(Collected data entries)
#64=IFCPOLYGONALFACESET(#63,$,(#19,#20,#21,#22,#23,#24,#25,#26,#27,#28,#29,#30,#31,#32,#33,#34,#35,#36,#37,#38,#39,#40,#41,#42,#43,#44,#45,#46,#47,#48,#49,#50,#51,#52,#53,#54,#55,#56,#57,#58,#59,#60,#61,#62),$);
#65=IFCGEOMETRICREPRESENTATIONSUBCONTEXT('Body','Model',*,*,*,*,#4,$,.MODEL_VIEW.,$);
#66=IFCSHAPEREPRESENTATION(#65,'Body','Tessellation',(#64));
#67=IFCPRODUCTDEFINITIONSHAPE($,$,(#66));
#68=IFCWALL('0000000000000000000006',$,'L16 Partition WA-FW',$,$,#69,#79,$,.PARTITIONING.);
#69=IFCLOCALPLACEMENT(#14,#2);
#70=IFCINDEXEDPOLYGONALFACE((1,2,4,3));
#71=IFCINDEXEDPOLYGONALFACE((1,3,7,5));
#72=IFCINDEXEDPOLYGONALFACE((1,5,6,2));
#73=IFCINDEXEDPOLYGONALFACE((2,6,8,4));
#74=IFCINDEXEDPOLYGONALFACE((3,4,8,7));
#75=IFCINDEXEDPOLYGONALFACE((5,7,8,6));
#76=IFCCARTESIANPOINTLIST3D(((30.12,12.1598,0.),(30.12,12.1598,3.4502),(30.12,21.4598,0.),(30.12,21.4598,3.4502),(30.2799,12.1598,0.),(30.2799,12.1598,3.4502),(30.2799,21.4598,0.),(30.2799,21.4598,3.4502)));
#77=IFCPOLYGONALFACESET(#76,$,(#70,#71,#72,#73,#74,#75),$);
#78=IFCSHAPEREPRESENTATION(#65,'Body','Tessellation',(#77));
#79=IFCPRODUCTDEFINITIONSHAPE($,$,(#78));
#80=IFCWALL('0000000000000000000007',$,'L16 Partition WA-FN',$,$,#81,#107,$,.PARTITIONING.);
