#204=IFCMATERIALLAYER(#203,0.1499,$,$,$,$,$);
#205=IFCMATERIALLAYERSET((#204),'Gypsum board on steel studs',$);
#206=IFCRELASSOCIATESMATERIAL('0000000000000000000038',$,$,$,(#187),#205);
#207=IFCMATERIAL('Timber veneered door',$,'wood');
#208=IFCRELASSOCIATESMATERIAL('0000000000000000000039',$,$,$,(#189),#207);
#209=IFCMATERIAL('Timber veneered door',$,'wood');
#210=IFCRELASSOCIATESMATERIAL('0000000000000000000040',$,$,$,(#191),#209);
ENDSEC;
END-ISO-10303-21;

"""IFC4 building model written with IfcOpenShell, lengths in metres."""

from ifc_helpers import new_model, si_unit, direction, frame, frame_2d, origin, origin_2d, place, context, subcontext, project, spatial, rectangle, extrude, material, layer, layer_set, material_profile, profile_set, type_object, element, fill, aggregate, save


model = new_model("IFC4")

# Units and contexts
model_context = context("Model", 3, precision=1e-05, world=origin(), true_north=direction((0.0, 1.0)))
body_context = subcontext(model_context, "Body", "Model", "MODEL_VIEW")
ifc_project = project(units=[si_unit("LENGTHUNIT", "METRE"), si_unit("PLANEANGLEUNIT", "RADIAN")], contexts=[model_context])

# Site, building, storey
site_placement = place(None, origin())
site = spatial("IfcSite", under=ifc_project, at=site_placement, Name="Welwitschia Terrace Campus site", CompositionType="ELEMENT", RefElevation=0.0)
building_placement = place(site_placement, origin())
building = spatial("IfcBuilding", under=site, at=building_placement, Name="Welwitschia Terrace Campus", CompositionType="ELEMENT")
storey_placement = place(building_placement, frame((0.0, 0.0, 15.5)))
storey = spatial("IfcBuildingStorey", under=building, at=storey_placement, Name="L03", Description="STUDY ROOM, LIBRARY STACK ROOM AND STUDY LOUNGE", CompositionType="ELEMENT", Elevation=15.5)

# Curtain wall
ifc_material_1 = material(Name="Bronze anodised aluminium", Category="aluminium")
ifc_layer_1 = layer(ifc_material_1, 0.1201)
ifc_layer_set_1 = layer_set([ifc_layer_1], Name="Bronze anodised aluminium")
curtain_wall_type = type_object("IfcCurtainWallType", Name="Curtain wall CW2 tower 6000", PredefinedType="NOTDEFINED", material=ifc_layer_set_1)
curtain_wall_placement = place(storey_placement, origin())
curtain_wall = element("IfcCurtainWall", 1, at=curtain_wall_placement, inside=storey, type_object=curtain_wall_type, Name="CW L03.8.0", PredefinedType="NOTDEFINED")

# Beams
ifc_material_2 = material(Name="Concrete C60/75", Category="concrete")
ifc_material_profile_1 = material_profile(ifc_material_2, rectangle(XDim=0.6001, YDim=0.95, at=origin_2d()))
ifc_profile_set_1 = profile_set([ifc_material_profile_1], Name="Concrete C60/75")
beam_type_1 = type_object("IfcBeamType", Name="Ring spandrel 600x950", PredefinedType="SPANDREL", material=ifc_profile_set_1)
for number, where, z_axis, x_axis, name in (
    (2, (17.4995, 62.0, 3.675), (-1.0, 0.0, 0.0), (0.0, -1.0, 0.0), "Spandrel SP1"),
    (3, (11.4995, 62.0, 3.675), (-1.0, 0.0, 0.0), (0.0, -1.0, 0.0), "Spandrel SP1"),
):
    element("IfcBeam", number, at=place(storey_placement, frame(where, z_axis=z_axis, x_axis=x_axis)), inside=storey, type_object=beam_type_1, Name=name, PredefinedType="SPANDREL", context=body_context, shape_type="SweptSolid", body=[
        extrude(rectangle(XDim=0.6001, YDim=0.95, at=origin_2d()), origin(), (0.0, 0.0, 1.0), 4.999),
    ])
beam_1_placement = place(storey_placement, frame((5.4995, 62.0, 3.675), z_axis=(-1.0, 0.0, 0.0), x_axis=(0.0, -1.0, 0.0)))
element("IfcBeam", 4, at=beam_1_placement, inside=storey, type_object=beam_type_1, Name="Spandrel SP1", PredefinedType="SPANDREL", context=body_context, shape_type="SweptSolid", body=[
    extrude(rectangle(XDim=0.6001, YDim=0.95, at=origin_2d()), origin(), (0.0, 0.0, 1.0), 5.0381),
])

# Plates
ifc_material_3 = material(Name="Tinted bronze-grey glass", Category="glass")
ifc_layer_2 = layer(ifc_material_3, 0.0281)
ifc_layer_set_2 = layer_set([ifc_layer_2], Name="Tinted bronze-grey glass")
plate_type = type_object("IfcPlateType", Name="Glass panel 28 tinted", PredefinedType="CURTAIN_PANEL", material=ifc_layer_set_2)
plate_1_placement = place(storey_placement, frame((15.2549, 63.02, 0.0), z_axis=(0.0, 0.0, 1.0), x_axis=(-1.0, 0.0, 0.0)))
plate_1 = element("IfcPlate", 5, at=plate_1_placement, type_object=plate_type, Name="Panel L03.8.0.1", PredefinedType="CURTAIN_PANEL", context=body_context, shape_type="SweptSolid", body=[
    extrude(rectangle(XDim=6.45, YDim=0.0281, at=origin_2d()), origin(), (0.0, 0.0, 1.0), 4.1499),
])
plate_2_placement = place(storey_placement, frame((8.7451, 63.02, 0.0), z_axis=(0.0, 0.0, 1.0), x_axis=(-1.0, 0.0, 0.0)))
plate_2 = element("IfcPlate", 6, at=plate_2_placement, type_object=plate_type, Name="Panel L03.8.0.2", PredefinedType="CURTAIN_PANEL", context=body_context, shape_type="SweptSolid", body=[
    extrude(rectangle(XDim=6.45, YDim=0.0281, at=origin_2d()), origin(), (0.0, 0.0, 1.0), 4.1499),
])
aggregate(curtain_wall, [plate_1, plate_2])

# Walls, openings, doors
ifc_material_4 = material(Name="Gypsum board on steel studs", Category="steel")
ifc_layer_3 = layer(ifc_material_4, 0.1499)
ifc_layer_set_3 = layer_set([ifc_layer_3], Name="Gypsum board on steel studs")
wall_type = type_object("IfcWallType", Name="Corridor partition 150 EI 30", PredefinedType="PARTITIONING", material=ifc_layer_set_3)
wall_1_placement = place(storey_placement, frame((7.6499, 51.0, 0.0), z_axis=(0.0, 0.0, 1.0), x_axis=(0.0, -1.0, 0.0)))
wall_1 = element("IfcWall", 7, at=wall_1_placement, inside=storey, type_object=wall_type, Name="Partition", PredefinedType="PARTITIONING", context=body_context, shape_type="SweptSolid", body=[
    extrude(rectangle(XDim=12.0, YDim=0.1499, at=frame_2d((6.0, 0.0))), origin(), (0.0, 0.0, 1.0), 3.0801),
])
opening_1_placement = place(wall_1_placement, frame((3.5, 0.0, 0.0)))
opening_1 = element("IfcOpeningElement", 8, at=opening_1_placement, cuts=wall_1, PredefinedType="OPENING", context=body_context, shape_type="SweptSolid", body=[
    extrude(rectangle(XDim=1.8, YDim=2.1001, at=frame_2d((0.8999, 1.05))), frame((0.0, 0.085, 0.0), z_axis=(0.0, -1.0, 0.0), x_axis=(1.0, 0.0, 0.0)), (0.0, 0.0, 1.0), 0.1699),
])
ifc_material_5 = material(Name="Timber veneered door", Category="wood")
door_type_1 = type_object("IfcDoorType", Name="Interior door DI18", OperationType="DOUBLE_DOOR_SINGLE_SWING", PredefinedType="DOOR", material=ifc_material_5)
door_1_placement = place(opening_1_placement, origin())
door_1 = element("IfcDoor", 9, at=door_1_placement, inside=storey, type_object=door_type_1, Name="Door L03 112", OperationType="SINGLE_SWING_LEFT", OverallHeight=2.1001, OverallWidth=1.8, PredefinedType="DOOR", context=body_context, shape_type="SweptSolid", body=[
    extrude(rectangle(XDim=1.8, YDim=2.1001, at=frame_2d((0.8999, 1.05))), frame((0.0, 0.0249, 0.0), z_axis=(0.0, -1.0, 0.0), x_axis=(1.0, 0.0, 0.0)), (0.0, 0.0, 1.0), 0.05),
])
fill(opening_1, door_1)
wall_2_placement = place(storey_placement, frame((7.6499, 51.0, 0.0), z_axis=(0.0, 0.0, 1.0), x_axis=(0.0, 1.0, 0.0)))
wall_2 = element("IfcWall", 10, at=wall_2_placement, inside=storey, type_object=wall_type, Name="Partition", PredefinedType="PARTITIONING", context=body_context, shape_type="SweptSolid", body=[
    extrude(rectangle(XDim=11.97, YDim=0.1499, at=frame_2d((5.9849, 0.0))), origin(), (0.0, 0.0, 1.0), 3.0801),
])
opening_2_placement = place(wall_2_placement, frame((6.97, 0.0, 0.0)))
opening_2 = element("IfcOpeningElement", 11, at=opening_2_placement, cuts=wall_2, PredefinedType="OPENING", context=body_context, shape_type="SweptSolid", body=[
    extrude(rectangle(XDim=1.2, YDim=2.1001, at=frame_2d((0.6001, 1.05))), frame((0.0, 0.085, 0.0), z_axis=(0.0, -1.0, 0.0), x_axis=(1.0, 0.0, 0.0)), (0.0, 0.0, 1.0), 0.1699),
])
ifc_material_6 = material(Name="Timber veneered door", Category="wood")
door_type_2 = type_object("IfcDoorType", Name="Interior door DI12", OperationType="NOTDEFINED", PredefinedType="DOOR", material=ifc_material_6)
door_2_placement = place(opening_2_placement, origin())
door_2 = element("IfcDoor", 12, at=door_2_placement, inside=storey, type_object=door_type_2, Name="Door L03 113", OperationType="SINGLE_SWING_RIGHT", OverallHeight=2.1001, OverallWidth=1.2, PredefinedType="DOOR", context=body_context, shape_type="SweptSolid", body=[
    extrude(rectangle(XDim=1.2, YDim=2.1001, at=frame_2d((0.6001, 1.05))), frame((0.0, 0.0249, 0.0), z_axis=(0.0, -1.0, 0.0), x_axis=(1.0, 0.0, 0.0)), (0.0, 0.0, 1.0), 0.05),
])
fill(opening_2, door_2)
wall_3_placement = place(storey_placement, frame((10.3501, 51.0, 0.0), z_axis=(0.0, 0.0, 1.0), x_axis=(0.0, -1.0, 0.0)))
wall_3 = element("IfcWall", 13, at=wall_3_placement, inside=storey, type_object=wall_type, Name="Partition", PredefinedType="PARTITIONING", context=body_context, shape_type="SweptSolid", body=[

• _TASK DETAILS_
Each line with the word "Timber" in the records above belongs in the result; copy all of them.

• _YOUR SOLUTION_
#207=IFCMATERIAL('Timber veneered door',$,'wood');
#209=IFCMATERIAL('Timber veneered door',$,'wood');
ifc_material_5 = material(Name="Timber veneered door", Category="wood")
ifc_material_6 = material(Name="Timber veneered door", Category="wood")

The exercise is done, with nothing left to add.